[WHAT TO DO]
Retype, word for word, every line of the records below starting at the one that contains "-0.4102), z_axis=(1.0, 0.0, 0.0), x_axis=(0.0, 1.0, 0.0)))" and ending at the one that contains "secondary joist 1.4.1"; include both of those lines and nothing more.

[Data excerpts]

╔══

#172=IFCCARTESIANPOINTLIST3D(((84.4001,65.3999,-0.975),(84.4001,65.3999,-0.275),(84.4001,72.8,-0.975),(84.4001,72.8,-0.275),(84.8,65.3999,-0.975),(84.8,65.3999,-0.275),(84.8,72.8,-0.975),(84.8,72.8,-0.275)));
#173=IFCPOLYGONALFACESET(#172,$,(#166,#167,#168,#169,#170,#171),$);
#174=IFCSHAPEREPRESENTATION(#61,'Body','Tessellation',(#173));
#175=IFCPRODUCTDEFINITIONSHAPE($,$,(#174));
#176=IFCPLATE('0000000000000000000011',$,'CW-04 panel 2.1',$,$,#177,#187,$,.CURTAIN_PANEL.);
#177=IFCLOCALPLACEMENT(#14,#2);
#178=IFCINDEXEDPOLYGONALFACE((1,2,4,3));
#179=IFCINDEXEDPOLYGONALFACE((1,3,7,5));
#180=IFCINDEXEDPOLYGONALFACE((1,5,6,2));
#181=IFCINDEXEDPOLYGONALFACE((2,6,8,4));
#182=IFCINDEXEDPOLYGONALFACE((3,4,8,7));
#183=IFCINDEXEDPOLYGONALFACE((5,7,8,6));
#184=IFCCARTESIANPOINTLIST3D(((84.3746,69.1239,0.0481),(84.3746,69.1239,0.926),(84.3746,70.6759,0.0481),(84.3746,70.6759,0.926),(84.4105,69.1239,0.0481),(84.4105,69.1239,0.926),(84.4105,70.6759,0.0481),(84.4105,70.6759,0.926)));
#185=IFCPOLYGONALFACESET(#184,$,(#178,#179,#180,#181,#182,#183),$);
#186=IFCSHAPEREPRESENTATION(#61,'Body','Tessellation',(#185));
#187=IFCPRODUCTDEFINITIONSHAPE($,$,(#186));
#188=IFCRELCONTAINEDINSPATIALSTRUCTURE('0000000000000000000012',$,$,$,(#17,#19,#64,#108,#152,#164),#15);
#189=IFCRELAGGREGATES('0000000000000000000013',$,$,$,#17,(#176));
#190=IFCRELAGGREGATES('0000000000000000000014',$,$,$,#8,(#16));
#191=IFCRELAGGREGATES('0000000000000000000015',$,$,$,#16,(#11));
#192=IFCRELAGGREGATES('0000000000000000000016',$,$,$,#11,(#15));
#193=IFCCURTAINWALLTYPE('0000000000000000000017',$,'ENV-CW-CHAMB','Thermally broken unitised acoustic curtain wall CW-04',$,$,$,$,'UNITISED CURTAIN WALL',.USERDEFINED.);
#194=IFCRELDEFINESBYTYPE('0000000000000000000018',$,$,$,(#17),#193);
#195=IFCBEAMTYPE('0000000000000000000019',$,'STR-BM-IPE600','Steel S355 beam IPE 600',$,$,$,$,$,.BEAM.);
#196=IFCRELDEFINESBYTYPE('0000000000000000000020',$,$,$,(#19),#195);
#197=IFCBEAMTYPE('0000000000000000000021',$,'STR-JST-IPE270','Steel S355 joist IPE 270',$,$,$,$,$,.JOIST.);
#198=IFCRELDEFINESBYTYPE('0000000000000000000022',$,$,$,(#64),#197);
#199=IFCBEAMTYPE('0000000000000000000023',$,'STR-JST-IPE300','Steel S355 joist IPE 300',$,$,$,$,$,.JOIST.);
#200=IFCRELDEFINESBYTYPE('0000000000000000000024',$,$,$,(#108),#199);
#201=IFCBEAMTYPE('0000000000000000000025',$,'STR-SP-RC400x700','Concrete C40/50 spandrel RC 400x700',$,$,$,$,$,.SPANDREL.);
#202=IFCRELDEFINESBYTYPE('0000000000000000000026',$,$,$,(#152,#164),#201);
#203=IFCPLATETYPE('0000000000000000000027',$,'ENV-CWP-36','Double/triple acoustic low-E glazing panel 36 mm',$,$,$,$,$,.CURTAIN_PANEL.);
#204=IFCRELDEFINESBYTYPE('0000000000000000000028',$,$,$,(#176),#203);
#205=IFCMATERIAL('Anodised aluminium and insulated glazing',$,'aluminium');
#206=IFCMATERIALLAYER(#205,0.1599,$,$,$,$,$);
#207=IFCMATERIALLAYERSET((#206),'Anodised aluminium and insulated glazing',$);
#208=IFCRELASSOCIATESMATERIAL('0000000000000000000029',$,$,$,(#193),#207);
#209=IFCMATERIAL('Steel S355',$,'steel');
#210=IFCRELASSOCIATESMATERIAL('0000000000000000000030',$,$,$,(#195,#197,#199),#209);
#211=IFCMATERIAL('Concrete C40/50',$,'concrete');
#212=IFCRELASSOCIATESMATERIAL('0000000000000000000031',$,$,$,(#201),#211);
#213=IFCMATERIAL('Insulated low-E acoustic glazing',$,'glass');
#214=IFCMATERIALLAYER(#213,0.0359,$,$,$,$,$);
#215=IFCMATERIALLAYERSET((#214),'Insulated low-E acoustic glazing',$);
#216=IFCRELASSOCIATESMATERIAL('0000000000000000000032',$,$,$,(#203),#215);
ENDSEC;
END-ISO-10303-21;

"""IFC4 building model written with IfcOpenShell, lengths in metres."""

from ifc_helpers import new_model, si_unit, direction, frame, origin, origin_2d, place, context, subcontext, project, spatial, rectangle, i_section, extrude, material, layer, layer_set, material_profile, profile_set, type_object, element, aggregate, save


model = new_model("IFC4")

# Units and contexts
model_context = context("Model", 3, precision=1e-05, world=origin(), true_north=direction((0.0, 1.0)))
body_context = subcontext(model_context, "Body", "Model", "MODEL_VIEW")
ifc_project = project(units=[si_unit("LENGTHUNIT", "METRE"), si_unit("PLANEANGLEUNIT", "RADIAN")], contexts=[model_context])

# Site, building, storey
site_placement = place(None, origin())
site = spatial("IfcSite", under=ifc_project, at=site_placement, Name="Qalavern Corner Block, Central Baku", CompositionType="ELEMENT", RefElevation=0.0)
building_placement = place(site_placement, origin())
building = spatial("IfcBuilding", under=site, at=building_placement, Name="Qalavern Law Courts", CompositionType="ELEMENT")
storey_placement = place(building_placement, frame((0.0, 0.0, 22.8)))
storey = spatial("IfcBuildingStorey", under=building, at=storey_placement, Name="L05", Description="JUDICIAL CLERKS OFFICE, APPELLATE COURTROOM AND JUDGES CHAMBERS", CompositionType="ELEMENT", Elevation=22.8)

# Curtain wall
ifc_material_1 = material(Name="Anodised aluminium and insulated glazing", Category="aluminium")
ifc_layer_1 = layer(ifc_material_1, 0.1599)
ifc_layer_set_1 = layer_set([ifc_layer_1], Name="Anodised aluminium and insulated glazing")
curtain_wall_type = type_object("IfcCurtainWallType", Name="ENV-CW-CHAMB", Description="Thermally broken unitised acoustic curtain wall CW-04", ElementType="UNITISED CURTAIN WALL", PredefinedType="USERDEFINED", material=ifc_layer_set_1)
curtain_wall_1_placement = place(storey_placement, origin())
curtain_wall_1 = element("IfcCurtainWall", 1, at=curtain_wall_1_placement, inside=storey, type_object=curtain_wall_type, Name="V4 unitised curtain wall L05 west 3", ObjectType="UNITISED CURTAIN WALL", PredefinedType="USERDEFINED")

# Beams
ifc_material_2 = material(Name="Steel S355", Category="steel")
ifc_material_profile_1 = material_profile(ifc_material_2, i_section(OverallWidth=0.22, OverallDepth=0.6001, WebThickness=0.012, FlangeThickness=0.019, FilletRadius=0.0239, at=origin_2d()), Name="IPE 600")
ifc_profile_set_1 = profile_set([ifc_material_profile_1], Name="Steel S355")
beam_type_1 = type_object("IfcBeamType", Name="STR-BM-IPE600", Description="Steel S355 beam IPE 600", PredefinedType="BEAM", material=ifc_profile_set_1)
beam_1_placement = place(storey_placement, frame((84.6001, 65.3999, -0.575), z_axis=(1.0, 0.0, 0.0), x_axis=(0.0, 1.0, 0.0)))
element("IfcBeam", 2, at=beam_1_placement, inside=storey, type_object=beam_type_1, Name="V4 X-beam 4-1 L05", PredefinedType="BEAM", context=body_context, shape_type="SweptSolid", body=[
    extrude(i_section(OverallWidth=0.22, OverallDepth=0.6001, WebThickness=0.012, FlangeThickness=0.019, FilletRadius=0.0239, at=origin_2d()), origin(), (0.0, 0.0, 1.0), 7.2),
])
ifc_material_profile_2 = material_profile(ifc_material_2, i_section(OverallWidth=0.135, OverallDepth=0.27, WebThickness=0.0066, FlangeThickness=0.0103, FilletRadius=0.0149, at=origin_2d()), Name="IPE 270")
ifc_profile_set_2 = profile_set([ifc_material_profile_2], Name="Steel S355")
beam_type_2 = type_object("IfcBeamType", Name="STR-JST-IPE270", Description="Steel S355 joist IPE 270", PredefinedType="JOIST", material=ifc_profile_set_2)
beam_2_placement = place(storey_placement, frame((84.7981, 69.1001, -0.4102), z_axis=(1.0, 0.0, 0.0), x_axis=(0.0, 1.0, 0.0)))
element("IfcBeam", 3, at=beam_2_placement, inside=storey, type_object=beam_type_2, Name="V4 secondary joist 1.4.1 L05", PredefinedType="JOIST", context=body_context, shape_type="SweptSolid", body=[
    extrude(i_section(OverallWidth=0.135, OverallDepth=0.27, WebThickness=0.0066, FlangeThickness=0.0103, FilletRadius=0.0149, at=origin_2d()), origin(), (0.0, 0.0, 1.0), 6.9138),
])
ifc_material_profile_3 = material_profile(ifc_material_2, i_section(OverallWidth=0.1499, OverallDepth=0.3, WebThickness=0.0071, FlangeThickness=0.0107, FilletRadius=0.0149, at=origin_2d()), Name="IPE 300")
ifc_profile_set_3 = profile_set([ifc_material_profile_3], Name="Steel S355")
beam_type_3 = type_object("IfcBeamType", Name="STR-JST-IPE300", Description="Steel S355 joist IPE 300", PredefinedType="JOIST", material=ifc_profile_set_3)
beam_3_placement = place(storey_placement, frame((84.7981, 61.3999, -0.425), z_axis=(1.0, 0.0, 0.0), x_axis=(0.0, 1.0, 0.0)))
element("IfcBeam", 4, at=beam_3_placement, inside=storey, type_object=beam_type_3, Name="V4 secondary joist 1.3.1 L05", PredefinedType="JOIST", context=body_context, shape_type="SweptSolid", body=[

╚══

[OUTPUT FOR THIS EXERCISE]
beam_2_placement = place(storey_placement, frame((84.7981, 69.1001, -0.4102), z_axis=(1.0, 0.0, 0.0), x_axis=(0.0, 1.0, 0.0)))
element("IfcBeam", 3, at=beam_2_placement, inside=storey, type_object=beam_type_2, Name="V4 secondary joist 1.4.1 L05", PredefinedType="JOIST", context=body_context, shape_type="SweptSolid", body=[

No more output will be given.